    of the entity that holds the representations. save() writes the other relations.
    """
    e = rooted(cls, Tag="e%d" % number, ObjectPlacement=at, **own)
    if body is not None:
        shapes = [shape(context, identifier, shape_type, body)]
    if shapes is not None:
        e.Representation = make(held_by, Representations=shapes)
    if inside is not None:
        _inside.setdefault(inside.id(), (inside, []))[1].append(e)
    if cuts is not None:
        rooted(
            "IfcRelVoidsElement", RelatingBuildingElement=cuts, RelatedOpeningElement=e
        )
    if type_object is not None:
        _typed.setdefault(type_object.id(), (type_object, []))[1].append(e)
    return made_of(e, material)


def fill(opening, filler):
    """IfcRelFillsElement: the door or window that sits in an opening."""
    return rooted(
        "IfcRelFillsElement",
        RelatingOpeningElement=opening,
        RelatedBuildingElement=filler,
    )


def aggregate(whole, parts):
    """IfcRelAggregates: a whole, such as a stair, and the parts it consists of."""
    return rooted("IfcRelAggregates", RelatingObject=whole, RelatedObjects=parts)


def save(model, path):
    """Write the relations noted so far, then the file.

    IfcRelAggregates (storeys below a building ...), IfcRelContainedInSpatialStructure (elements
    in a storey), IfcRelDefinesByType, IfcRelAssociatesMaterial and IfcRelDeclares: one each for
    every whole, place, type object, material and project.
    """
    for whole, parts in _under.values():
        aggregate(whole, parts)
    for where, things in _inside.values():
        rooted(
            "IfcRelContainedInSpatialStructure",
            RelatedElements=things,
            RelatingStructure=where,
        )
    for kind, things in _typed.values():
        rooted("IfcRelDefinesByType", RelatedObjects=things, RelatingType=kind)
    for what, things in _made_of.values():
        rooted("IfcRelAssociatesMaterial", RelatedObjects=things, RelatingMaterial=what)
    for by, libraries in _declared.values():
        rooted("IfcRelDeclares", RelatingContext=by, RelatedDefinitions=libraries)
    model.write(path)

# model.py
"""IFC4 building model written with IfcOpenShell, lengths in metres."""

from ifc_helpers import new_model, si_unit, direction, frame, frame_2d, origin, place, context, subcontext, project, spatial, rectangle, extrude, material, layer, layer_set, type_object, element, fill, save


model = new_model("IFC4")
---
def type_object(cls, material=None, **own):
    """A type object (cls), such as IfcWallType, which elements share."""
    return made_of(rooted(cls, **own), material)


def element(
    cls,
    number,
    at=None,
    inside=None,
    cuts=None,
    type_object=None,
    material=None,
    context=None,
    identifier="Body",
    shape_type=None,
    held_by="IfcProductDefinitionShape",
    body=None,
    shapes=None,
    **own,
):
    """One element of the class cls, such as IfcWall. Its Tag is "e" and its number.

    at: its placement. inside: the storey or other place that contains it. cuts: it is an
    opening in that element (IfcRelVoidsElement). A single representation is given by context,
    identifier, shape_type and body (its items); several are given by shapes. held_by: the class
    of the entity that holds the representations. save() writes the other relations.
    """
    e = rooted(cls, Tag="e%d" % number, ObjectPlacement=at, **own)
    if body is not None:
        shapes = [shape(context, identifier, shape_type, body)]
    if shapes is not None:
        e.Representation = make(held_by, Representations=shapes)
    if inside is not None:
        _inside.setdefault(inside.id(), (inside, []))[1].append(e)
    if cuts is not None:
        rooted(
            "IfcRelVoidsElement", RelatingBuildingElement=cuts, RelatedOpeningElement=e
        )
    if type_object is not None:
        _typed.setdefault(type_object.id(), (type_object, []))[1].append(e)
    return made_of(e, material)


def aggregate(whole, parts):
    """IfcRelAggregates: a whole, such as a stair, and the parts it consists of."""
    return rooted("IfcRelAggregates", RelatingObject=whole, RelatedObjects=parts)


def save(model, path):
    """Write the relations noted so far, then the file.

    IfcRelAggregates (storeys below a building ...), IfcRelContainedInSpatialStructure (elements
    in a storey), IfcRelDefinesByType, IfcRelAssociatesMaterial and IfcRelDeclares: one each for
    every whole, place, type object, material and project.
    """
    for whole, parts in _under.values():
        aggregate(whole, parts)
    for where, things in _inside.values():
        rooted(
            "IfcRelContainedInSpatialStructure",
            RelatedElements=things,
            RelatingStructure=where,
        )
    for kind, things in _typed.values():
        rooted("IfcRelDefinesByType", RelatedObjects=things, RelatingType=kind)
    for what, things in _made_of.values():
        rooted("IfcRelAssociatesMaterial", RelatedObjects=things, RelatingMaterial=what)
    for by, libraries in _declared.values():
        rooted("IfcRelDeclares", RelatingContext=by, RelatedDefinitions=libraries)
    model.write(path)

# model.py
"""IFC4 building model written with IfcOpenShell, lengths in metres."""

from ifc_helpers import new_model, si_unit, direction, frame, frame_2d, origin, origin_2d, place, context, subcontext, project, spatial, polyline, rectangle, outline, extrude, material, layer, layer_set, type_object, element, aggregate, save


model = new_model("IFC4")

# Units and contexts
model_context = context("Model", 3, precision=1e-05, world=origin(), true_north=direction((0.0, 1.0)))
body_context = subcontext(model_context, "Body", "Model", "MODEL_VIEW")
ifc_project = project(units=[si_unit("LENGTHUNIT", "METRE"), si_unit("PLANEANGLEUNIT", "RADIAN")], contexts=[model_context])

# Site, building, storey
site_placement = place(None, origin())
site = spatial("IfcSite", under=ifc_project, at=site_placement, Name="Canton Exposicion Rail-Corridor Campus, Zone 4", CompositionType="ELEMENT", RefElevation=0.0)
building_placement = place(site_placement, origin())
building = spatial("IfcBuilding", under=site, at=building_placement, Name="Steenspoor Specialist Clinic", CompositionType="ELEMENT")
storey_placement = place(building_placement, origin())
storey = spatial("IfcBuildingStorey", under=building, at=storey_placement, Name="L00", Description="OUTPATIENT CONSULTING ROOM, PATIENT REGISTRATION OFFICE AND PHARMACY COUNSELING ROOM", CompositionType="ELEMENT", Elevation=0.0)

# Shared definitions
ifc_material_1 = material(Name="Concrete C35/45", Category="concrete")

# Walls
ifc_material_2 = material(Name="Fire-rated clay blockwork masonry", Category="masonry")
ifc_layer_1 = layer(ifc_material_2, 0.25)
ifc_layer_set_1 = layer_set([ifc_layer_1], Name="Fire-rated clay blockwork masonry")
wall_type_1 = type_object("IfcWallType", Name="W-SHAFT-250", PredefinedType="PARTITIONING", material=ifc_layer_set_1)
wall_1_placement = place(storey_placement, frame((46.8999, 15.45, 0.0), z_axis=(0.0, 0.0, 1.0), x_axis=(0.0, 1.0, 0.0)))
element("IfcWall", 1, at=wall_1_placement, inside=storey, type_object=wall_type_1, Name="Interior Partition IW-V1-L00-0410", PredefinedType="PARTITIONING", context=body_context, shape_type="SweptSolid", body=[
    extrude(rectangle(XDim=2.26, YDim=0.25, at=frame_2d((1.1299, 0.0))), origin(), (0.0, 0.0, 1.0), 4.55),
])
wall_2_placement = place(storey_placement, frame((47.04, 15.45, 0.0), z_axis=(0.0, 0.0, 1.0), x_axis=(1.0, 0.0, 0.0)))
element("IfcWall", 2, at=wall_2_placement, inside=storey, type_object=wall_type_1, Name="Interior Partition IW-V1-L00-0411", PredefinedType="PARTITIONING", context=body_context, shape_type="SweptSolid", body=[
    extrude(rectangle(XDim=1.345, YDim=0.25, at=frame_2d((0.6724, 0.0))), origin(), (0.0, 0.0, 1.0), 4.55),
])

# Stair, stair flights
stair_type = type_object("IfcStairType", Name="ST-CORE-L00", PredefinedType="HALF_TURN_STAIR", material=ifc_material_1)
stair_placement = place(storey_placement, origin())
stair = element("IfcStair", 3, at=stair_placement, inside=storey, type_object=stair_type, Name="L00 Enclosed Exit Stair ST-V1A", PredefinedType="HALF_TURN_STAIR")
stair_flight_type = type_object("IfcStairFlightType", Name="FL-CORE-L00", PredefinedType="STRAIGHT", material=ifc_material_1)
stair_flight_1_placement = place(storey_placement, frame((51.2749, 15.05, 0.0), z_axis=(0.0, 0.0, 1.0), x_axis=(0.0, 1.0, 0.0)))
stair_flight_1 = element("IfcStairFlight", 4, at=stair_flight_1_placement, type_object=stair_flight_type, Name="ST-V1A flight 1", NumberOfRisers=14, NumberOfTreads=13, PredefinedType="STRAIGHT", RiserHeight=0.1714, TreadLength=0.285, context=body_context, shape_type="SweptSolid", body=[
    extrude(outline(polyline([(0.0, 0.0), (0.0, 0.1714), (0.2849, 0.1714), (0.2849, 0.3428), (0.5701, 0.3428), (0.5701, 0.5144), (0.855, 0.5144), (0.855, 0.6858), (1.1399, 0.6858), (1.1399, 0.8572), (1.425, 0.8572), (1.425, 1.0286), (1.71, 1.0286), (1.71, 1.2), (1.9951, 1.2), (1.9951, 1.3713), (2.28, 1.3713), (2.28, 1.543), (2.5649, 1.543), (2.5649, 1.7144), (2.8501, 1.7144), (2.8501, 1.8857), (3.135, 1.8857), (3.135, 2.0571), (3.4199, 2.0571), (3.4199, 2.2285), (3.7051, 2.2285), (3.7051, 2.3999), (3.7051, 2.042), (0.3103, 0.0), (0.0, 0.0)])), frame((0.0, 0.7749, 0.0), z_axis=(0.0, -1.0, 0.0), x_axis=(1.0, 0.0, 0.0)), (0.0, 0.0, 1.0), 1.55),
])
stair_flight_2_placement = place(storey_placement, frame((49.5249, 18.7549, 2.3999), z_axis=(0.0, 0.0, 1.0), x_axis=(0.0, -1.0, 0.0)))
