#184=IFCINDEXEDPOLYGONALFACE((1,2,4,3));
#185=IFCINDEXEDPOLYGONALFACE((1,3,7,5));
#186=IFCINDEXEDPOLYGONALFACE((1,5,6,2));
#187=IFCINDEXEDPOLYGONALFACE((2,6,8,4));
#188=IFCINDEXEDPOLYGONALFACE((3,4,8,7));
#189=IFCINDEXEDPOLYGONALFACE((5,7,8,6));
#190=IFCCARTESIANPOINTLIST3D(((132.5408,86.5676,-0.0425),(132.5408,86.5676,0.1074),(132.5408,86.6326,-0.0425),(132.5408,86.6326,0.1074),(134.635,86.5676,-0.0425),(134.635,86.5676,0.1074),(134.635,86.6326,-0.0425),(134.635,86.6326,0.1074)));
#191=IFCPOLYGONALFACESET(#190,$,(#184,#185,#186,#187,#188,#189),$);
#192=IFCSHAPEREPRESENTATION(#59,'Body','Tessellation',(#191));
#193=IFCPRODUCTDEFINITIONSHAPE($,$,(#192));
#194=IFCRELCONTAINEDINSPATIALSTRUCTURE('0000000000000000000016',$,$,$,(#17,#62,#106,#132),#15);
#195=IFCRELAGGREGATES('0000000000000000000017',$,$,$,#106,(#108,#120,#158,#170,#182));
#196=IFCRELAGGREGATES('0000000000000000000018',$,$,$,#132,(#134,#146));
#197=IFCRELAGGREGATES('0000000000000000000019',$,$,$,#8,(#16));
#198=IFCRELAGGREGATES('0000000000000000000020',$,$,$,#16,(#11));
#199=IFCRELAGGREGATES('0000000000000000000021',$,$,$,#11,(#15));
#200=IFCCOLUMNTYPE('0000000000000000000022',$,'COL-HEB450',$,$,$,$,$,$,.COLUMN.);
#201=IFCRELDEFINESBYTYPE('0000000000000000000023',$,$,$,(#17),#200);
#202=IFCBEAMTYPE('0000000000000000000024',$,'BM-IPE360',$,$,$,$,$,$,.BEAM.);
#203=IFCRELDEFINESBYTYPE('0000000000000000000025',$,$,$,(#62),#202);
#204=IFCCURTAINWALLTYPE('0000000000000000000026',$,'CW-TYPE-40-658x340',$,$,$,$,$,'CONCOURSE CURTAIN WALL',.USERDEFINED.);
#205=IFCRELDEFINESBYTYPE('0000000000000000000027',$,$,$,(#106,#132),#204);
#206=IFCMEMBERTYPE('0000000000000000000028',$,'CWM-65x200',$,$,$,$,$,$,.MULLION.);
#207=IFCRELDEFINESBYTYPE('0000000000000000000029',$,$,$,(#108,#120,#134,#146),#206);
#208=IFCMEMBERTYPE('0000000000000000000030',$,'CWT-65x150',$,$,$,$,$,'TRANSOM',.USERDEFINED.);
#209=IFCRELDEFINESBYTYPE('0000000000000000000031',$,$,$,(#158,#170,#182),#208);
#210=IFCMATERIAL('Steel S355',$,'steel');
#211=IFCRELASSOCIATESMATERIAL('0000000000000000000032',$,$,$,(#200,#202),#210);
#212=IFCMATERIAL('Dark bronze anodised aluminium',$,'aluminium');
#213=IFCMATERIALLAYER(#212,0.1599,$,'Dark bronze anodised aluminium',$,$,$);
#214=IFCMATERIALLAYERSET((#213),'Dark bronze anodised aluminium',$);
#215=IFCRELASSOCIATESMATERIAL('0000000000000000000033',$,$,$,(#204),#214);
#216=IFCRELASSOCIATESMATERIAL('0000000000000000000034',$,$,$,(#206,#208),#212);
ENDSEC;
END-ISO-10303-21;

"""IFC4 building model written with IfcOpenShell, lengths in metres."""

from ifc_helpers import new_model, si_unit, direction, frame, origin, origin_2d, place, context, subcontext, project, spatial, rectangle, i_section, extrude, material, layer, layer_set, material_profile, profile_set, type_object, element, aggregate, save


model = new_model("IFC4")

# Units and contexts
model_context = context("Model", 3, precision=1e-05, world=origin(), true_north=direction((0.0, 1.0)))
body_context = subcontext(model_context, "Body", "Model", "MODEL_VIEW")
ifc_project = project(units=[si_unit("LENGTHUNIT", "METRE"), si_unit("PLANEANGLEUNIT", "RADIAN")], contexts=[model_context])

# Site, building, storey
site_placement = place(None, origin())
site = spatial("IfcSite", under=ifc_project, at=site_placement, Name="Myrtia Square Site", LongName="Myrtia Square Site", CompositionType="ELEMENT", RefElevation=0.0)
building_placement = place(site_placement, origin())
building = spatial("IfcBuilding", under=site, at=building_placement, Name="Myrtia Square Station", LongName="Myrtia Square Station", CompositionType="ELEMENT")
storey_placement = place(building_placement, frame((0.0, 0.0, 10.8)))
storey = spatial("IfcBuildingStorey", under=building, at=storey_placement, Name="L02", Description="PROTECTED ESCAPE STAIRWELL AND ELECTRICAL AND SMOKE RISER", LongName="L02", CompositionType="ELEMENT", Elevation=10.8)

Required work = All that should be written out is the stretch of lines above between the one holding "profile_set, type_object, element, aggregate, save" and the one holding "frame((0.0, 0.0, 10.8)))", inclusive, exactly as given.

Completed exercise =
from ifc_helpers import new_model, si_unit, direction, frame, origin, origin_2d, place, context, subcontext, project, spatial, rectangle, i_section, extrude, material, layer, layer_set, material_profile, profile_set, type_object, element, aggregate, save


model = new_model("IFC4")

# Units and contexts
model_context = context("Model", 3, precision=1e-05, world=origin(), true_north=direction((0.0, 1.0)))
body_context = subcontext(model_context, "Body", "Model", "MODEL_VIEW")
ifc_project = project(units=[si_unit("LENGTHUNIT", "METRE"), si_unit("PLANEANGLEUNIT", "RADIAN")], contexts=[model_context])

# Site, building, storey
site_placement = place(None, origin())
site = spatial("IfcSite", under=ifc_project, at=site_placement, Name="Myrtia Square Site", LongName="Myrtia Square Site", CompositionType="ELEMENT", RefElevation=0.0)
building_placement = place(site_placement, origin())
building = spatial("IfcBuilding", under=site, at=building_placement, Name="Myrtia Square Station", LongName="Myrtia Square Station", CompositionType="ELEMENT")
storey_placement = place(building_placement, frame((0.0, 0.0, 10.8)))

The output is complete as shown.